Task prompt:
Could you set down exactly the lines in the records below between the line holding "#125=IFCLOCALPLACEMENT(#14,#2);" and the line holding "#127=IFCINDEXEDPOLYGONALFACE((1,3,5,2));", inclusive?

====== Source material ======

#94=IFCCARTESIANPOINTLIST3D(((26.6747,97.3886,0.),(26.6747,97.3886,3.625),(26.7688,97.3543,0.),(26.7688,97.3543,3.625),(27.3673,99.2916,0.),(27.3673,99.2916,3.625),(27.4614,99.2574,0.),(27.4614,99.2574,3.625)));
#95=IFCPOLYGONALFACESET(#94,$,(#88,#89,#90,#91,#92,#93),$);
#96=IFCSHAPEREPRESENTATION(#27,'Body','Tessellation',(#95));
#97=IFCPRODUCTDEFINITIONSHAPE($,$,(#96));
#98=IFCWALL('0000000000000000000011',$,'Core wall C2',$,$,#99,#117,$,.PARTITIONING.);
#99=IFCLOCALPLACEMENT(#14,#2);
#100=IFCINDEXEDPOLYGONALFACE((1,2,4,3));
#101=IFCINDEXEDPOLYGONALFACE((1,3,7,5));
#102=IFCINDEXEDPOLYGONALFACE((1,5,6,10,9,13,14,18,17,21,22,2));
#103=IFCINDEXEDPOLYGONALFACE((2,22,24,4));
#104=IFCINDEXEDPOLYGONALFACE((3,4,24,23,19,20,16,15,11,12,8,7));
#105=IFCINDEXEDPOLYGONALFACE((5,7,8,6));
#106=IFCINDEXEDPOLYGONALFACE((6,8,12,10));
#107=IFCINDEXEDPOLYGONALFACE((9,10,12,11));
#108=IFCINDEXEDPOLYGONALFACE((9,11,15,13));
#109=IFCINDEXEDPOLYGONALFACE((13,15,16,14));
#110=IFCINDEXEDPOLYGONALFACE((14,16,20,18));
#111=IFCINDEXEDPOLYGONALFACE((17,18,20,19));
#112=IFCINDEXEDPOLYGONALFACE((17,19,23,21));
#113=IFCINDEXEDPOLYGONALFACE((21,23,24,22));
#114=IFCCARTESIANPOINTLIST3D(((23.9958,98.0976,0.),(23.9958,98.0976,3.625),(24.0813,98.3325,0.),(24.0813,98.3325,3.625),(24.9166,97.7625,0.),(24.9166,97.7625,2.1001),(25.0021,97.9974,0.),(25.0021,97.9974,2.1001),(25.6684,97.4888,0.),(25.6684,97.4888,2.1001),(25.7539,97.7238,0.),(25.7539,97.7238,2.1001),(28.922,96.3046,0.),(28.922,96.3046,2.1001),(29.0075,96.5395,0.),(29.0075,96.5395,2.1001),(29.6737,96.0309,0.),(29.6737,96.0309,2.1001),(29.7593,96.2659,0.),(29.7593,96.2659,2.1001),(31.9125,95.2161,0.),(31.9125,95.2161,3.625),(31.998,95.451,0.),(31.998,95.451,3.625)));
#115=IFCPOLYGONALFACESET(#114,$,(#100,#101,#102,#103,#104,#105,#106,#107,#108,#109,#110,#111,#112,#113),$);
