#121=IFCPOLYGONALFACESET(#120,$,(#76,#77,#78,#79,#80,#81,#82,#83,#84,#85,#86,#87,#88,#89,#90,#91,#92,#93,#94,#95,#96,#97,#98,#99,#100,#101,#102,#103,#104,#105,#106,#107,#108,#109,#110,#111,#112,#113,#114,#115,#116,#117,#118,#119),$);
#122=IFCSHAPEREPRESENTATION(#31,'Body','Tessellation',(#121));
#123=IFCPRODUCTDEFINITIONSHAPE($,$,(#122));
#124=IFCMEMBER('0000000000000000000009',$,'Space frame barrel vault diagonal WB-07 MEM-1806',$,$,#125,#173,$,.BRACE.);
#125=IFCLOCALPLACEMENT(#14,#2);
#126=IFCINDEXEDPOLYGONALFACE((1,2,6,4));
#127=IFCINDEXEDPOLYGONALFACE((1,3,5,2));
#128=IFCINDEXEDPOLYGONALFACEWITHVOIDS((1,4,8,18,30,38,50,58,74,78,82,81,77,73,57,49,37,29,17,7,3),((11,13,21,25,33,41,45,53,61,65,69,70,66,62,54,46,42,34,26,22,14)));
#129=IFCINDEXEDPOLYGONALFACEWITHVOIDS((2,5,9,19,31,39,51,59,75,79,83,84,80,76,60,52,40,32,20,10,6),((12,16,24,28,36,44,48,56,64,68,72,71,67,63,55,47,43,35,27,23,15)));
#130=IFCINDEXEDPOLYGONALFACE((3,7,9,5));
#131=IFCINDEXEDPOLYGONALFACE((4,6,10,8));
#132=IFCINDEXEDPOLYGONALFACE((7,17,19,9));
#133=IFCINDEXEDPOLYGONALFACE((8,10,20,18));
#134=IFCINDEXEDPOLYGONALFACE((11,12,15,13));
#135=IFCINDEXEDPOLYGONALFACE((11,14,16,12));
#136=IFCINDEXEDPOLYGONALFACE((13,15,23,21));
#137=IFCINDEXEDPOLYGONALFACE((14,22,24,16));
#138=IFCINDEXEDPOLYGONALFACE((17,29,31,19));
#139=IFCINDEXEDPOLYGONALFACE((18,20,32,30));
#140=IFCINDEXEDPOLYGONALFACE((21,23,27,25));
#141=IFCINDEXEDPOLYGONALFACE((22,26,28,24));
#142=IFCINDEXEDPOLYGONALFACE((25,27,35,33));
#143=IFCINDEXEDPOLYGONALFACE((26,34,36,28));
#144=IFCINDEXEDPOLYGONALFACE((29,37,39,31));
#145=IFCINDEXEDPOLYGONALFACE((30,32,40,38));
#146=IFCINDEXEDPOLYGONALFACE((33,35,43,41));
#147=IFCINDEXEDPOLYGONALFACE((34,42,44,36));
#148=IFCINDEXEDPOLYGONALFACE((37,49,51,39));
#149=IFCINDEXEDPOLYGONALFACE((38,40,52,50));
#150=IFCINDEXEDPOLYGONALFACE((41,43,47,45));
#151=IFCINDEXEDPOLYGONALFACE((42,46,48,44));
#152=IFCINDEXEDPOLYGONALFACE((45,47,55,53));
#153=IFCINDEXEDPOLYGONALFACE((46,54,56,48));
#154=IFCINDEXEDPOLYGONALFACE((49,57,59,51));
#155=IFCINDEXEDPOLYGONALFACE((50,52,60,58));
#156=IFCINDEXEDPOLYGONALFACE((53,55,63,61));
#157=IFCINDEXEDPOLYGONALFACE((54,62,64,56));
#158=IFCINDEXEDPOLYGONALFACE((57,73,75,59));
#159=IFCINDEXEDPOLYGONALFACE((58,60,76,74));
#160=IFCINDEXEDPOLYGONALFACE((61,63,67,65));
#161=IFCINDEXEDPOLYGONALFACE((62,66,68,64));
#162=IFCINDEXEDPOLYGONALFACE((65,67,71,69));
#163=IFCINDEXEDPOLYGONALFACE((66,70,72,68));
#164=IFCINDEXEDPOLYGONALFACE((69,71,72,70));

======

Solution to this task:
#125=IFCLOCALPLACEMENT(#14,#2);
#126=IFCINDEXEDPOLYGONALFACE((1,2,6,4));
#127=IFCINDEXEDPOLYGONALFACE((1,3,5,2));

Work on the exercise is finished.